▶ YOUR ASSIGNMENT
Among the entries below, find the lines with the word "House" and copy them.
(EXTRACTED ENTRIES)
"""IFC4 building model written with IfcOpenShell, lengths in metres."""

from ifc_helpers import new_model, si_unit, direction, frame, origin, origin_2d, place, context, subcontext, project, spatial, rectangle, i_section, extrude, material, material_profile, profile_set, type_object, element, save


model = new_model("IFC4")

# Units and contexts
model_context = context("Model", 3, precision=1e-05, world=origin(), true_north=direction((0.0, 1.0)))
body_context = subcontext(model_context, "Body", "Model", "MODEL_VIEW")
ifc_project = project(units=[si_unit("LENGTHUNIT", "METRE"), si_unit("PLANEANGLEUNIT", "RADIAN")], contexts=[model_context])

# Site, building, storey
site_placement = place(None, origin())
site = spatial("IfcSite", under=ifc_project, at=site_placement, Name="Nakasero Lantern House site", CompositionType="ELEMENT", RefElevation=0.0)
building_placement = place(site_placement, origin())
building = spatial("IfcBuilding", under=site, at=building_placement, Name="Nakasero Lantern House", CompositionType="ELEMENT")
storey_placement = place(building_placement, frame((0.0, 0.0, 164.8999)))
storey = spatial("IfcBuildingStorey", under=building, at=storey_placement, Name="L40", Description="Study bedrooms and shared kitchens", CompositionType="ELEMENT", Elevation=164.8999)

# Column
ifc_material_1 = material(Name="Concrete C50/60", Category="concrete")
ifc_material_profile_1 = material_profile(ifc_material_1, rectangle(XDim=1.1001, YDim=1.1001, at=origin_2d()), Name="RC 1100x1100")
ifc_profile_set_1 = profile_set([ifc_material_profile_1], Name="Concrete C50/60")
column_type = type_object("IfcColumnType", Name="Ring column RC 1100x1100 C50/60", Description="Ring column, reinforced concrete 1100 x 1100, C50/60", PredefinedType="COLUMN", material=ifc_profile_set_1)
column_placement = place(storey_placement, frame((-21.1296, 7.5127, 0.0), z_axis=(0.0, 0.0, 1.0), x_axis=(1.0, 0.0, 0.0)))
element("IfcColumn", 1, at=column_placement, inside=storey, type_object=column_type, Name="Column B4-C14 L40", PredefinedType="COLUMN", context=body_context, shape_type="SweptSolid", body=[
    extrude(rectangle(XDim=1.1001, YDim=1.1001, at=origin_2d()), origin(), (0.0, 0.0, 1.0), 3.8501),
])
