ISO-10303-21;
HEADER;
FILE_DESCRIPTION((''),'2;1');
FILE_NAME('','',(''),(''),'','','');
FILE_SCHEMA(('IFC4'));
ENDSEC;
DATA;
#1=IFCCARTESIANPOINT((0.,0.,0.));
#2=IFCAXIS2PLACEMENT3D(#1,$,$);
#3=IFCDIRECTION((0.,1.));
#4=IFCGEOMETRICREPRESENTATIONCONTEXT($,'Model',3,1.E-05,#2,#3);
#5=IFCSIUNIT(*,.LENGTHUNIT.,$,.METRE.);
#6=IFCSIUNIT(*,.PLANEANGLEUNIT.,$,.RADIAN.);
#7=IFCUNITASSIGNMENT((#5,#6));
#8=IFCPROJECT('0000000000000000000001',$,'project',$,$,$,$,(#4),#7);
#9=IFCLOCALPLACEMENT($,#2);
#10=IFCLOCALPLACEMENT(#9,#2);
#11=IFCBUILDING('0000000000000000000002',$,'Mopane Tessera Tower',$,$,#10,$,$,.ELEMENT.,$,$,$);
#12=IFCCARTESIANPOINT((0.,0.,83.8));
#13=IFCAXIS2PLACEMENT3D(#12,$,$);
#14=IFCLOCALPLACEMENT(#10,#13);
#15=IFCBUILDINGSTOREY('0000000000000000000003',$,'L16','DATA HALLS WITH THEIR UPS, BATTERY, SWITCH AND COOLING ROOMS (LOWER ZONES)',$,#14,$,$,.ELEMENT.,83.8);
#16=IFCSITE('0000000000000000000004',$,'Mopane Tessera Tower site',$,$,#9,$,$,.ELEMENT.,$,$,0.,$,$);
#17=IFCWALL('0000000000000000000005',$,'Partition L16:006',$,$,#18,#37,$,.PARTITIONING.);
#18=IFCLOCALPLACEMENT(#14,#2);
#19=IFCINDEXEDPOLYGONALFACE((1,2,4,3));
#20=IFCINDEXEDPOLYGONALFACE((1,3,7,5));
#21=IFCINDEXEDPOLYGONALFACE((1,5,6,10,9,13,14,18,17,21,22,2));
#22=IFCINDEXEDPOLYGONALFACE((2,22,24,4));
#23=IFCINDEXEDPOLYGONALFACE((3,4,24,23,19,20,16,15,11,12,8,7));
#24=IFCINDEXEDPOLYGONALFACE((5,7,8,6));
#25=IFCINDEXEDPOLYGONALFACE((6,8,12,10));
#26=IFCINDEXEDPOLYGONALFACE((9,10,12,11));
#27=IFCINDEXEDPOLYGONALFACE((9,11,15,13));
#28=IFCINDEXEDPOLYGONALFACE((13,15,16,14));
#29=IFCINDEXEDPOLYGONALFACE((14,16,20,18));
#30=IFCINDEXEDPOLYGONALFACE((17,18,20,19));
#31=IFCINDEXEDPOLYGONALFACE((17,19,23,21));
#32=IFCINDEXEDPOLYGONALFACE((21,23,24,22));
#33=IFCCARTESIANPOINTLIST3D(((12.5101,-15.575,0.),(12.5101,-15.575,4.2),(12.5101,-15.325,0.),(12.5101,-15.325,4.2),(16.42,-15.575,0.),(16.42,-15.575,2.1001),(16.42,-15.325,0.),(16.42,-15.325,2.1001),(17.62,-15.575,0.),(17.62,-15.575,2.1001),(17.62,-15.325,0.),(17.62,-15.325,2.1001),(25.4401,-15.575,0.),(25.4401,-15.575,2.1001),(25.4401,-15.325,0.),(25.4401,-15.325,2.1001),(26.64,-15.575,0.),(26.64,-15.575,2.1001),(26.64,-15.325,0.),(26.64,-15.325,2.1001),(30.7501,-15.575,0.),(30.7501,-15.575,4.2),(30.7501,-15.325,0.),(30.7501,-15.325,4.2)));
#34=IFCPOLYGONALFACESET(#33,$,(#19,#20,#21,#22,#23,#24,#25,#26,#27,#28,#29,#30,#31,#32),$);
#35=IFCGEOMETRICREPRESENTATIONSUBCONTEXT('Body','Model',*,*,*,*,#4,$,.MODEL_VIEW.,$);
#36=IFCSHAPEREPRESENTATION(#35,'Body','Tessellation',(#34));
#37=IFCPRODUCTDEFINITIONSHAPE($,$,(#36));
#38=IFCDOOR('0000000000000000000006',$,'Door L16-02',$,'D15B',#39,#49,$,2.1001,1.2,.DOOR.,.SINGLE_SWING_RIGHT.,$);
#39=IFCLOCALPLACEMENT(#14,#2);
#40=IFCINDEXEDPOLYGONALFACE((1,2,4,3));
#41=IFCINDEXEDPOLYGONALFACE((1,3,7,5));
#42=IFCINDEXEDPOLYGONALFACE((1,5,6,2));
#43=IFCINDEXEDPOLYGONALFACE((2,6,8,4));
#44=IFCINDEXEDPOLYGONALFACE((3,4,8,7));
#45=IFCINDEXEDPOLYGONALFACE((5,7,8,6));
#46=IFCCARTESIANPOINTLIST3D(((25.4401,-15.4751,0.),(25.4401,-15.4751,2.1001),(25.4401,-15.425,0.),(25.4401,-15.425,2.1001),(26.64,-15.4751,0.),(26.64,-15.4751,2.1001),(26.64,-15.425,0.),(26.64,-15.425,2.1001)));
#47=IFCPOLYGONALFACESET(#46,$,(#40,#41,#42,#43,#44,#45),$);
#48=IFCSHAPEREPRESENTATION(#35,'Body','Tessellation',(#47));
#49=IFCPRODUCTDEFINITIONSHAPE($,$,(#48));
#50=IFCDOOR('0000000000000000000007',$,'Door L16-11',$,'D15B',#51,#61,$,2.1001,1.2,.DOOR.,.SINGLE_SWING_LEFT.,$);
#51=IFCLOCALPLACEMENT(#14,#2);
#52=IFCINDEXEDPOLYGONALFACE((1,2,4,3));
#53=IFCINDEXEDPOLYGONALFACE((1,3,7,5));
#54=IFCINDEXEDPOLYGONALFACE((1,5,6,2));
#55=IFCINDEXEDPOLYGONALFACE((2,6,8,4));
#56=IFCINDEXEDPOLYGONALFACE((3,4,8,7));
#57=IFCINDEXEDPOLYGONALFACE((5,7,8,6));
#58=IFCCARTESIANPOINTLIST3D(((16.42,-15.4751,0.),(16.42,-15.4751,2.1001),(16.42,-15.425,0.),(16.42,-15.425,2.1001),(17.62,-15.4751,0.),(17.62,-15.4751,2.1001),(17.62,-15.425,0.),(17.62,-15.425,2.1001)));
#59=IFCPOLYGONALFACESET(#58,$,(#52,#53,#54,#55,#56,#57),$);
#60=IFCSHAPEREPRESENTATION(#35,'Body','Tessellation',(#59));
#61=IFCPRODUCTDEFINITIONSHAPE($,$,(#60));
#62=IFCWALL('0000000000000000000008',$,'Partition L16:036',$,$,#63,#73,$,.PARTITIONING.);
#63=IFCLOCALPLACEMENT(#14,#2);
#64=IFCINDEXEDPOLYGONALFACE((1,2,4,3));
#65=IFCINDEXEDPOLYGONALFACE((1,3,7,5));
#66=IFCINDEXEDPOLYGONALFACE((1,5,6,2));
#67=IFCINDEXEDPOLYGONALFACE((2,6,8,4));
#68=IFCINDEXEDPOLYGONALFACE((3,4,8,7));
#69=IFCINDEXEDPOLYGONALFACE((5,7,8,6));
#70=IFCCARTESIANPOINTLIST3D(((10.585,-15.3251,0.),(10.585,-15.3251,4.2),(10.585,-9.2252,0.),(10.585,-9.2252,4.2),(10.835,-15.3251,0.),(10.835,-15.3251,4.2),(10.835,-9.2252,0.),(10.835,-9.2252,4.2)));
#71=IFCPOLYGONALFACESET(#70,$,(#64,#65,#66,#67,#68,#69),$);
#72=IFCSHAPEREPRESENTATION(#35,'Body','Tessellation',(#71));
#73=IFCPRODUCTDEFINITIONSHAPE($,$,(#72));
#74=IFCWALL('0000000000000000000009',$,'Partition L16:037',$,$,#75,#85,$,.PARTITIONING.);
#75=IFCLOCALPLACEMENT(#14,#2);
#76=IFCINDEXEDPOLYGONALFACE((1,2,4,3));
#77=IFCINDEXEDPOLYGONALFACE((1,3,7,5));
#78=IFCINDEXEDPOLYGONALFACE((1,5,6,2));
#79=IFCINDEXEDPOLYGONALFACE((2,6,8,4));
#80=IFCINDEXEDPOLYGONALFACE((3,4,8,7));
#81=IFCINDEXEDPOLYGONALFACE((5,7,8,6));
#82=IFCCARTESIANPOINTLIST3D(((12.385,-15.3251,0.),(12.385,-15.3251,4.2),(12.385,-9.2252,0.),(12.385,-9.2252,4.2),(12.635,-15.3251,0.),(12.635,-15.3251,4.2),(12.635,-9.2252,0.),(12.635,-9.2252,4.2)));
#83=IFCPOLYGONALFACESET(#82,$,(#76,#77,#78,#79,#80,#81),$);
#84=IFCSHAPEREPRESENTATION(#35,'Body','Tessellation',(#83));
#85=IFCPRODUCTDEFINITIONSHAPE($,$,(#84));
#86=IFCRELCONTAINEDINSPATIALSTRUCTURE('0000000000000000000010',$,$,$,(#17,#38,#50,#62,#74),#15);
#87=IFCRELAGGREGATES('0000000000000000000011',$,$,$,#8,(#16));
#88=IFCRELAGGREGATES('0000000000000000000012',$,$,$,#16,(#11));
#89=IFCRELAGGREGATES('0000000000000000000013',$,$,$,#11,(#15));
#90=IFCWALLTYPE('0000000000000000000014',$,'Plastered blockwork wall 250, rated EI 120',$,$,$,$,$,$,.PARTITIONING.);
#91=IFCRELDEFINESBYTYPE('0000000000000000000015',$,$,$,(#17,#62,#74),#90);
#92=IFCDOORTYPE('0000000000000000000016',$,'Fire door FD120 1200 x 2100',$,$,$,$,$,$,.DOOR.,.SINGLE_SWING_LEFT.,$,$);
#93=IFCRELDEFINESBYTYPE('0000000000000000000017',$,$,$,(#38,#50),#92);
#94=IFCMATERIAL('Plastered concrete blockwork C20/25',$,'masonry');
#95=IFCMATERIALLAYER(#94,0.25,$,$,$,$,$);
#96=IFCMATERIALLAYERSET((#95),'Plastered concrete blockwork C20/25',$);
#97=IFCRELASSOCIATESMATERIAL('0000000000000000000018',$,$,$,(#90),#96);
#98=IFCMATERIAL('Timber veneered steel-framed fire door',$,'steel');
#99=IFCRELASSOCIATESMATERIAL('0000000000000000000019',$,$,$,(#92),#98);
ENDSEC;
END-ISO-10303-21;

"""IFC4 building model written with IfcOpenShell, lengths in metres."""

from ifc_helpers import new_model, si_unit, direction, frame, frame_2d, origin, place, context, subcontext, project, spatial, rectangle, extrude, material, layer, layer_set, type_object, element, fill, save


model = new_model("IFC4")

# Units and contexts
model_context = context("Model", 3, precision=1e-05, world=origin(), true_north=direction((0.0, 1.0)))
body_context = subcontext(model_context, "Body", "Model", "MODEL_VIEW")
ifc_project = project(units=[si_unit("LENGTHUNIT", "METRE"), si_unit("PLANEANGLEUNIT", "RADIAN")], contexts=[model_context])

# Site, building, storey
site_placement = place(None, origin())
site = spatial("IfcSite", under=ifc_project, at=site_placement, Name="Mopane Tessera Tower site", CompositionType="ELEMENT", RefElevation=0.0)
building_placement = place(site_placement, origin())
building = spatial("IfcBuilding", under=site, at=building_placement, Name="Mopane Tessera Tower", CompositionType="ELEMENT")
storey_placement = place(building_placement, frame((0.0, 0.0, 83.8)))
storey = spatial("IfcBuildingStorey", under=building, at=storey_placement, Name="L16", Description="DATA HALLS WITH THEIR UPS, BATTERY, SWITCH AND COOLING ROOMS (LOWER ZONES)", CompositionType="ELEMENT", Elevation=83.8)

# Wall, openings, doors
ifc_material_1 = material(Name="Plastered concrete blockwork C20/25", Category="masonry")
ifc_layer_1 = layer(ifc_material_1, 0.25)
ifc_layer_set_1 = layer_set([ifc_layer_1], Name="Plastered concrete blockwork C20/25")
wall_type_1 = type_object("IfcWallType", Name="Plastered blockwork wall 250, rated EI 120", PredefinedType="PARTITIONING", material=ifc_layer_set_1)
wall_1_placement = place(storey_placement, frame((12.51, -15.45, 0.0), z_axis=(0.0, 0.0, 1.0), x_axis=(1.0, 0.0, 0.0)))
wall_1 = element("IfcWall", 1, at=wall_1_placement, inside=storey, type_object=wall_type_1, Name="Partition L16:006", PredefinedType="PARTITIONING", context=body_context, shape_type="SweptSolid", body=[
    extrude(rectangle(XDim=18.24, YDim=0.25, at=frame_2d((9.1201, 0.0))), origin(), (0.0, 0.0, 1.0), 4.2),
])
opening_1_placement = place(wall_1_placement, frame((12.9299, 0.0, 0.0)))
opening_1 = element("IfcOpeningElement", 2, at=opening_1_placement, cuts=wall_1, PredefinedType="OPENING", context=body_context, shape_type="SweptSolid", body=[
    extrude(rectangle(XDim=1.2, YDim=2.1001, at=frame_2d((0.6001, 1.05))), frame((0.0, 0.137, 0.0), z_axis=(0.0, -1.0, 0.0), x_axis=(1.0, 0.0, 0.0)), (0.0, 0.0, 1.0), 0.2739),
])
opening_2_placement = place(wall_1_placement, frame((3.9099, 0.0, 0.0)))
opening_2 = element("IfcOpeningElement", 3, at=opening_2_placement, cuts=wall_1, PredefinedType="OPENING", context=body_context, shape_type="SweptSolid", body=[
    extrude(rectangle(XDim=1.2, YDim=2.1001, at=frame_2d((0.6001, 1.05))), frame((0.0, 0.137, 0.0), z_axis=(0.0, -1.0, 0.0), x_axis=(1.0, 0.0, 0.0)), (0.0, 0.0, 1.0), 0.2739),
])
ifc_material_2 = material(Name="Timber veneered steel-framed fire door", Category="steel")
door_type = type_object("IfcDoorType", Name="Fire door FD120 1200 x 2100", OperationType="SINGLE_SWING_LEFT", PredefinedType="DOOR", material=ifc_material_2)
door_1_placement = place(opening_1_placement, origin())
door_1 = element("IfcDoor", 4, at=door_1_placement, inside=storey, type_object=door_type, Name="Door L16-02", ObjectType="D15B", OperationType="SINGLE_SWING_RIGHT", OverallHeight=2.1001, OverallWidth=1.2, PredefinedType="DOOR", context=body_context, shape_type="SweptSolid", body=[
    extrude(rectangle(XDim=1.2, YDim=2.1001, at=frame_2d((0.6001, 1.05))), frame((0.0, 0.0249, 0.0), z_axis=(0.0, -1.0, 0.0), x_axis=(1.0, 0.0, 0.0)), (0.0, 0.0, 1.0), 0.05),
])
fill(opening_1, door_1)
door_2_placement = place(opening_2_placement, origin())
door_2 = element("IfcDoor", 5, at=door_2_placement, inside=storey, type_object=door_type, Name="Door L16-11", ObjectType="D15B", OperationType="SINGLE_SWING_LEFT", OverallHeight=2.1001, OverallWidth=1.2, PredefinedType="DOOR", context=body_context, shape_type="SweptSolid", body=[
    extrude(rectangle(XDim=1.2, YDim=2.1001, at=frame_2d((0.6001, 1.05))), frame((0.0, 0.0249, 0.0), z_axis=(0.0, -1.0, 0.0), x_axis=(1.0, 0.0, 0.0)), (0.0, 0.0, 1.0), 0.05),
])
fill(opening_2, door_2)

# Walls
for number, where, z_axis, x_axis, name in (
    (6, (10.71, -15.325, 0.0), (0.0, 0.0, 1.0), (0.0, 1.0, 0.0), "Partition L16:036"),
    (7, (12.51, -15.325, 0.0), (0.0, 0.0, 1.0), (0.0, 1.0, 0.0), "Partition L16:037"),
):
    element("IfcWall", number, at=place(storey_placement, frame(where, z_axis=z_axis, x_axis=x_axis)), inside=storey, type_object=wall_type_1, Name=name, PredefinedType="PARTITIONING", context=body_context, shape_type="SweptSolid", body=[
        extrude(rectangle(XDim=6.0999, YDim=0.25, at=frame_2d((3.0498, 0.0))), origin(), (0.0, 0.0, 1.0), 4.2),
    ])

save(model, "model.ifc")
(End EXTRACTED ENTRIES)
▶ SOLUTION FOR THIS PROBLEM
site = spatial("IfcSite", under=ifc_project, at=site_placement, Name="Nakasero Lantern House site", CompositionType="ELEMENT", RefElevation=0.0)
building = spatial("IfcBuilding", under=site, at=building_placement, Name="Nakasero Lantern House", CompositionType="ELEMENT")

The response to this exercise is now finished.